__EXTRACTED INFORMATION__.

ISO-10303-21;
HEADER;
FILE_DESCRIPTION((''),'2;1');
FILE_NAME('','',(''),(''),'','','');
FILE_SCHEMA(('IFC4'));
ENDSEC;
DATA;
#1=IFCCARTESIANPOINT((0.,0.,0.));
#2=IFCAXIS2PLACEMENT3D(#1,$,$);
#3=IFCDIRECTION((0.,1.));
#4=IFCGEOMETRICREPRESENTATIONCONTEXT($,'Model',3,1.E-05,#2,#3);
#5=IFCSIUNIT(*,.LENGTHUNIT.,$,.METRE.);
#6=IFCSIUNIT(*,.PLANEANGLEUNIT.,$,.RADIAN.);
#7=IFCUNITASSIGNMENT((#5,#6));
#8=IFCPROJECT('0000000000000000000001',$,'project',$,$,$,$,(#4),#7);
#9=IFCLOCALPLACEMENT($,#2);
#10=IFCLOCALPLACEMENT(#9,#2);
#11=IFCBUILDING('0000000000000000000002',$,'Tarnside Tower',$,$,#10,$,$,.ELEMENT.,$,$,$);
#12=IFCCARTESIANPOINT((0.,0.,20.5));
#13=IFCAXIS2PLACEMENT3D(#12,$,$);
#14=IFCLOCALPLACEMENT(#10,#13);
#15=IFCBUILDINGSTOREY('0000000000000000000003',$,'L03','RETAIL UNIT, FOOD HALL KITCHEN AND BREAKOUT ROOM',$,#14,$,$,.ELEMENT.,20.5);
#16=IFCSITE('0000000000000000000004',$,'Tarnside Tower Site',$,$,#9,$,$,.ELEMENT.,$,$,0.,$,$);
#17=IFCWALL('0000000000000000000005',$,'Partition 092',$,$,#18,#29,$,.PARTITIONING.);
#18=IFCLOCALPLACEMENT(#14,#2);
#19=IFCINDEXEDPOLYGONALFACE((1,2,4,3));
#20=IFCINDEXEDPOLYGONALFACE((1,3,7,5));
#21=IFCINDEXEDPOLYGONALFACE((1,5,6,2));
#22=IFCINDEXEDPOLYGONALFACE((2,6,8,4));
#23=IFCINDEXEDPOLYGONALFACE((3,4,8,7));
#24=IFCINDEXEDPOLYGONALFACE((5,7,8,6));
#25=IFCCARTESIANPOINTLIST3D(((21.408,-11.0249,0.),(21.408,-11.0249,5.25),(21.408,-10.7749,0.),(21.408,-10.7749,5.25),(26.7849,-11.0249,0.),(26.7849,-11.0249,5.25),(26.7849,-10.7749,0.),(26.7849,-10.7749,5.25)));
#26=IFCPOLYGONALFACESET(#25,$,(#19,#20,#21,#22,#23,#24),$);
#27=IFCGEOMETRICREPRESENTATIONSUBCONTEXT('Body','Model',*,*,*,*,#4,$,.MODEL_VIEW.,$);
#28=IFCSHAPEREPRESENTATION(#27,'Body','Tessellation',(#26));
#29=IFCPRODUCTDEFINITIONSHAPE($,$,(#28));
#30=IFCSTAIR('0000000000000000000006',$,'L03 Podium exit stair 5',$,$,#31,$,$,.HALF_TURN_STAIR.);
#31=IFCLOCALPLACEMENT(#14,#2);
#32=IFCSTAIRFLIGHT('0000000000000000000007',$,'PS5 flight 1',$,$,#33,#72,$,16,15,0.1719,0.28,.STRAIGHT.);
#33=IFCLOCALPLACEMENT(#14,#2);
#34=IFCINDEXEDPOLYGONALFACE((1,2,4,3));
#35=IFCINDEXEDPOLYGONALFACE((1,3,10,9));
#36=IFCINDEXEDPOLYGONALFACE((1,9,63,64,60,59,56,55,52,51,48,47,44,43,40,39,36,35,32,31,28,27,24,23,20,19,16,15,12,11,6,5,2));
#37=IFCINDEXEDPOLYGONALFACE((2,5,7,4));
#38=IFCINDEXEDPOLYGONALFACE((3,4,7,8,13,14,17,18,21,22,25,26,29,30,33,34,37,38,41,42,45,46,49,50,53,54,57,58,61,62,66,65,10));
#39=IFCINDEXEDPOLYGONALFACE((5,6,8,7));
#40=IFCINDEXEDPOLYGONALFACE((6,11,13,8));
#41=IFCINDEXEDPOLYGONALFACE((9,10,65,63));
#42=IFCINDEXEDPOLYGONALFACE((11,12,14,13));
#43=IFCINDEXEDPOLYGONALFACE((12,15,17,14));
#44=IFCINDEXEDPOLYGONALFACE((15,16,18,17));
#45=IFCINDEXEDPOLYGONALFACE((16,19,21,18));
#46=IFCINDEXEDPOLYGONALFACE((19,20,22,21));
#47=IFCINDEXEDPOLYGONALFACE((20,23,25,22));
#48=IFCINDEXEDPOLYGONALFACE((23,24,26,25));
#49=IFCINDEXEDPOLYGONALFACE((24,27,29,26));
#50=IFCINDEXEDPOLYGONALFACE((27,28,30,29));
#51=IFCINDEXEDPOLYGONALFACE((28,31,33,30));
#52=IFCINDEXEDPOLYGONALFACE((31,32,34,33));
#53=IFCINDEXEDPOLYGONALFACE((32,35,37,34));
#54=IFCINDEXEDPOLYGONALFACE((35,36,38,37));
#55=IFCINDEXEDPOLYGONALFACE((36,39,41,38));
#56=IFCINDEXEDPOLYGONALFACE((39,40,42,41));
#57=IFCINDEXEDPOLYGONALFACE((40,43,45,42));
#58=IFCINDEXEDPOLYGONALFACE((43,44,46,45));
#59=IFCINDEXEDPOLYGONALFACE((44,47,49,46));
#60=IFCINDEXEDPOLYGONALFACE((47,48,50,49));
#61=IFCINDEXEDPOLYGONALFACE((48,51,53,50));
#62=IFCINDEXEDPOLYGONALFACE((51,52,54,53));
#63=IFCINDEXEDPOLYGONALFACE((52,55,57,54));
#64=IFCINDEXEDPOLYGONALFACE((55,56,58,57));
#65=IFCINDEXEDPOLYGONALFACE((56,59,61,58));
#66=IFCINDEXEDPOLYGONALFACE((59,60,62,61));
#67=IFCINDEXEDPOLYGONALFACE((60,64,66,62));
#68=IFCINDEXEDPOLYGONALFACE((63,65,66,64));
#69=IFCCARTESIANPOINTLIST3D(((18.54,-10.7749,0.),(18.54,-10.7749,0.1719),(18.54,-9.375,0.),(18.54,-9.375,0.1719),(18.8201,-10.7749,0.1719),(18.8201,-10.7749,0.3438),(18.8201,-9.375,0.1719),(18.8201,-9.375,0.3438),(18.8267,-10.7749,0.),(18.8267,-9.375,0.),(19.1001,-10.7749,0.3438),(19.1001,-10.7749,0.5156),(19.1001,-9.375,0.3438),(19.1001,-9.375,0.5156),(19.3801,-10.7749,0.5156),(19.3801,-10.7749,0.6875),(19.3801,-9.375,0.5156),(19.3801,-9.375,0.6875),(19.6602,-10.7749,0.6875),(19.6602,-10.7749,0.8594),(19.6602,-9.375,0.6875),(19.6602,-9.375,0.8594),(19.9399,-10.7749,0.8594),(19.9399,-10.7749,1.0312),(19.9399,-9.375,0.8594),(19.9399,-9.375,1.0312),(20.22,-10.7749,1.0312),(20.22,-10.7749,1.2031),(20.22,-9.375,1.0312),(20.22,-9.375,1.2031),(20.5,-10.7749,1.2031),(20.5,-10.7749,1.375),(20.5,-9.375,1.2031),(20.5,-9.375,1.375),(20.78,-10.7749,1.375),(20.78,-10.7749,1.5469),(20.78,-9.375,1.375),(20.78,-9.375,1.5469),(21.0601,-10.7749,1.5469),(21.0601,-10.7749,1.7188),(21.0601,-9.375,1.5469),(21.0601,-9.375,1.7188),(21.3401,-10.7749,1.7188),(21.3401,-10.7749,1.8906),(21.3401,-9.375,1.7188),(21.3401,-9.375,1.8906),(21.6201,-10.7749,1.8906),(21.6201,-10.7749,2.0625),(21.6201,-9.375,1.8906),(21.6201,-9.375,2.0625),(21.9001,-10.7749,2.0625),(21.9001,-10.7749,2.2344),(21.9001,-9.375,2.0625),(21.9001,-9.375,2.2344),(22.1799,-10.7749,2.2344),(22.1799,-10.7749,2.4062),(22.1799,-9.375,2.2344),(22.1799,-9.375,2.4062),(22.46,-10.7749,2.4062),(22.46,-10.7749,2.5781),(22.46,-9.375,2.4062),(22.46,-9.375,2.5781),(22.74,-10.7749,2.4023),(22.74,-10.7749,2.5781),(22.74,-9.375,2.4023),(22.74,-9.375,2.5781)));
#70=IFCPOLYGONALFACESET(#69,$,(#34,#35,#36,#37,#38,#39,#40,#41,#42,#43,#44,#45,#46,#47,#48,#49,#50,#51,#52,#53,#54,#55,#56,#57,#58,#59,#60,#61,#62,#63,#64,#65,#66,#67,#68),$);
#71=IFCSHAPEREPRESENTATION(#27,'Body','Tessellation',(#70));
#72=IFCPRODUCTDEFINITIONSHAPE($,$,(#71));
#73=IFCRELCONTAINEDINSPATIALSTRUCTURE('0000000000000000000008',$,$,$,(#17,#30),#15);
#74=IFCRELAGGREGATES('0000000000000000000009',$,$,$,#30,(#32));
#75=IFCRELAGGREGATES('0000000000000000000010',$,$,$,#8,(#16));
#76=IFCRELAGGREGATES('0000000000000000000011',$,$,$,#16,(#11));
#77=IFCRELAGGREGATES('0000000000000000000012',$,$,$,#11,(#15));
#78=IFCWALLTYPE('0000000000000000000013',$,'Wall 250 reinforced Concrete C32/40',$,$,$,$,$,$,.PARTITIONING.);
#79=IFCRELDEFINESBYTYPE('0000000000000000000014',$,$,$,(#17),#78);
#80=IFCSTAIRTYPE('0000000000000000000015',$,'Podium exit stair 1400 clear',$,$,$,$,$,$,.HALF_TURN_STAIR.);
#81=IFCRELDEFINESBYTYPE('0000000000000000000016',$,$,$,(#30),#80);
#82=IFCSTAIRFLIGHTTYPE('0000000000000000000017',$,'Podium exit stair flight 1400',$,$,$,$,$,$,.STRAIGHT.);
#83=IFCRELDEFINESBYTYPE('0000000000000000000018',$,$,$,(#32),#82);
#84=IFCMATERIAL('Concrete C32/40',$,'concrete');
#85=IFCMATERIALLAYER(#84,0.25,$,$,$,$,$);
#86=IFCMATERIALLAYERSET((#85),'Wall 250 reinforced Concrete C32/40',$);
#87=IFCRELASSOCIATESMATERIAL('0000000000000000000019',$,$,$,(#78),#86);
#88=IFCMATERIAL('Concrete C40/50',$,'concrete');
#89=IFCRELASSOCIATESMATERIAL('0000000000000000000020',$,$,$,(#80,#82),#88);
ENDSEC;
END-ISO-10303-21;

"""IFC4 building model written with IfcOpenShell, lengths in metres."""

from ifc_helpers import new_model, si_unit, direction, frame, frame_2d, origin, place, context, subcontext, project, spatial, polyline, rectangle, outline, extrude, material, layer, layer_set, type_object, element, aggregate, save


model = new_model("IFC4")

# Units and contexts
model_context = context("Model", 3, precision=1e-05, world=origin(), true_north=direction((0.0, 1.0)))
body_context = subcontext(model_context, "Body", "Model", "MODEL_VIEW")
ifc_project = project(units=[si_unit("LENGTHUNIT", "METRE"), si_unit("PLANEANGLEUNIT", "RADIAN")], contexts=[model_context])

# Site, building, storey
site_placement = place(None, origin())
site = spatial("IfcSite", under=ifc_project, at=site_placement, Name="Tarnside Tower Site", CompositionType="ELEMENT", RefElevation=0.0)
building_placement = place(site_placement, origin())
building = spatial("IfcBuilding", under=site, at=building_placement, Name="Tarnside Tower", CompositionType="ELEMENT")
storey_placement = place(building_placement, frame((0.0, 0.0, 20.5)))
storey = spatial("IfcBuildingStorey", under=building, at=storey_placement, Name="L03", Description="RETAIL UNIT, FOOD HALL KITCHEN AND BREAKOUT ROOM", CompositionType="ELEMENT", Elevation=20.5)

# Wall
ifc_material_1 = material(Name="Concrete C32/40", Category="concrete")
ifc_layer_1 = layer(ifc_material_1, 0.25)
ifc_layer_set_1 = layer_set([ifc_layer_1], Name="Wall 250 reinforced Concrete C32/40")
wall_type_1 = type_object("IfcWallType", Name="Wall 250 reinforced Concrete C32/40", PredefinedType="PARTITIONING", material=ifc_layer_set_1)
wall_1_placement = place(storey_placement, frame((26.7849, -10.8999, 0.0), z_axis=(0.0, 0.0, 1.0), x_axis=(-1.0, 0.0, 0.0)))
element("IfcWall", 1, at=wall_1_placement, inside=storey, type_object=wall_type_1, Name="Partition 092", PredefinedType="PARTITIONING", context=body_context, shape_type="SweptSolid", body=[
    extrude(rectangle(XDim=5.377, YDim=0.25, at=frame_2d((2.6885, 0.0))), origin(), (0.0, 0.0, 1.0), 5.25),
])

# Stair, stair flight
ifc_material_2 = material(Name="Concrete C40/50", Category="concrete")
stair_type = type_object("IfcStairType", Name="Podium exit stair 1400 clear", PredefinedType="HALF_TURN_STAIR", material=ifc_material_2)
stair_placement = place(storey_placement, origin())
stair = element("IfcStair", 2, at=stair_placement, inside=storey, type_object=stair_type, Name="L03 Podium exit stair 5", PredefinedType="HALF_TURN_STAIR")
stair_flight_type = type_object("IfcStairFlightType", Name="Podium exit stair flight 1400", PredefinedType="STRAIGHT", material=ifc_material_2)
stair_flight_placement = place(storey_placement, frame((18.54, -10.075, 0.0), z_axis=(0.0, 0.0, 1.0), x_axis=(1.0, 0.0, 0.0)))
stair_flight = element("IfcStairFlight", 3, at=stair_flight_placement, type_object=stair_flight_type, Name="PS5 flight 1", NumberOfRisers=16, NumberOfTreads=15, PredefinedType="STRAIGHT", RiserHeight=0.1719, TreadLength=0.28, context=body_context, shape_type="SweptSolid", body=[
    extrude(outline(polyline([(0.0, 0.0), (0.0, 0.1719), (0.28, 0.1719), (0.28, 0.3438), (0.5601, 0.3438), (0.5601, 0.5156), (0.8401, 0.5156), (0.8401, 0.6875), (1.1201, 0.6875), (1.1201, 0.8594), (1.3999, 0.8594), (1.3999, 1.0312), (1.6799, 1.0312), (1.6799, 1.2031), (1.96, 1.2031), (1.96, 1.375), (2.24, 1.375), (2.24, 1.5469), (2.52, 1.5469), (2.52, 1.7188), (2.8, 1.7188), (2.8, 1.8906), (3.0801, 1.8906), (3.0801, 2.0625), (3.3601, 2.0625), (3.3601, 2.2344), (3.6399, 2.2344), (3.6399, 2.4062), (3.9199, 2.4062), (3.9199, 2.5781), (4.2, 2.5781), (4.2, 2.75), (4.2, 2.4023), (0.2866, 0.0), (0.0, 0.0)])), frame((0.0, 0.7, 0.0), z_axis=(0.0, -1.0, 0.0), x_axis=(1.0, 0.0, 0.0)), (0.0, 0.0, 1.0), 1.3999),
])
aggregate(stair, [stair_flight])

save(model, "model.ifc")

__EXERCISE OBJECTIVE__.
Each line from the start of the listing through the line with "#14=IFCLOCALPLACEMENT(#10,#13);" is to be restated verbatim, both ends included.

__REPLY__.
ISO-10303-21;
HEADER;
FILE_DESCRIPTION((''),'2;1');
FILE_NAME('','',(''),(''),'','','');
FILE_SCHEMA(('IFC4'));
ENDSEC;
DATA;
#1=IFCCARTESIANPOINT((0.,0.,0.));
#2=IFCAXIS2PLACEMENT3D(#1,$,$);
#3=IFCDIRECTION((0.,1.));
#4=IFCGEOMETRICREPRESENTATIONCONTEXT($,'Model',3,1.E-05,#2,#3);
#5=IFCSIUNIT(*,.LENGTHUNIT.,$,.METRE.);
#6=IFCSIUNIT(*,.PLANEANGLEUNIT.,$,.RADIAN.);
#7=IFCUNITASSIGNMENT((#5,#6));
#8=IFCPROJECT('0000000000000000000001',$,'project',$,$,$,$,(#4),#7);
#9=IFCLOCALPLACEMENT($,#2);
#10=IFCLOCALPLACEMENT(#9,#2);
#11=IFCBUILDING('0000000000000000000002',$,'Tarnside Tower',$,$,#10,$,$,.ELEMENT.,$,$,$);
#12=IFCCARTESIANPOINT((0.,0.,20.5));
#13=IFCAXIS2PLACEMENT3D(#12,$,$);
#14=IFCLOCALPLACEMENT(#10,#13);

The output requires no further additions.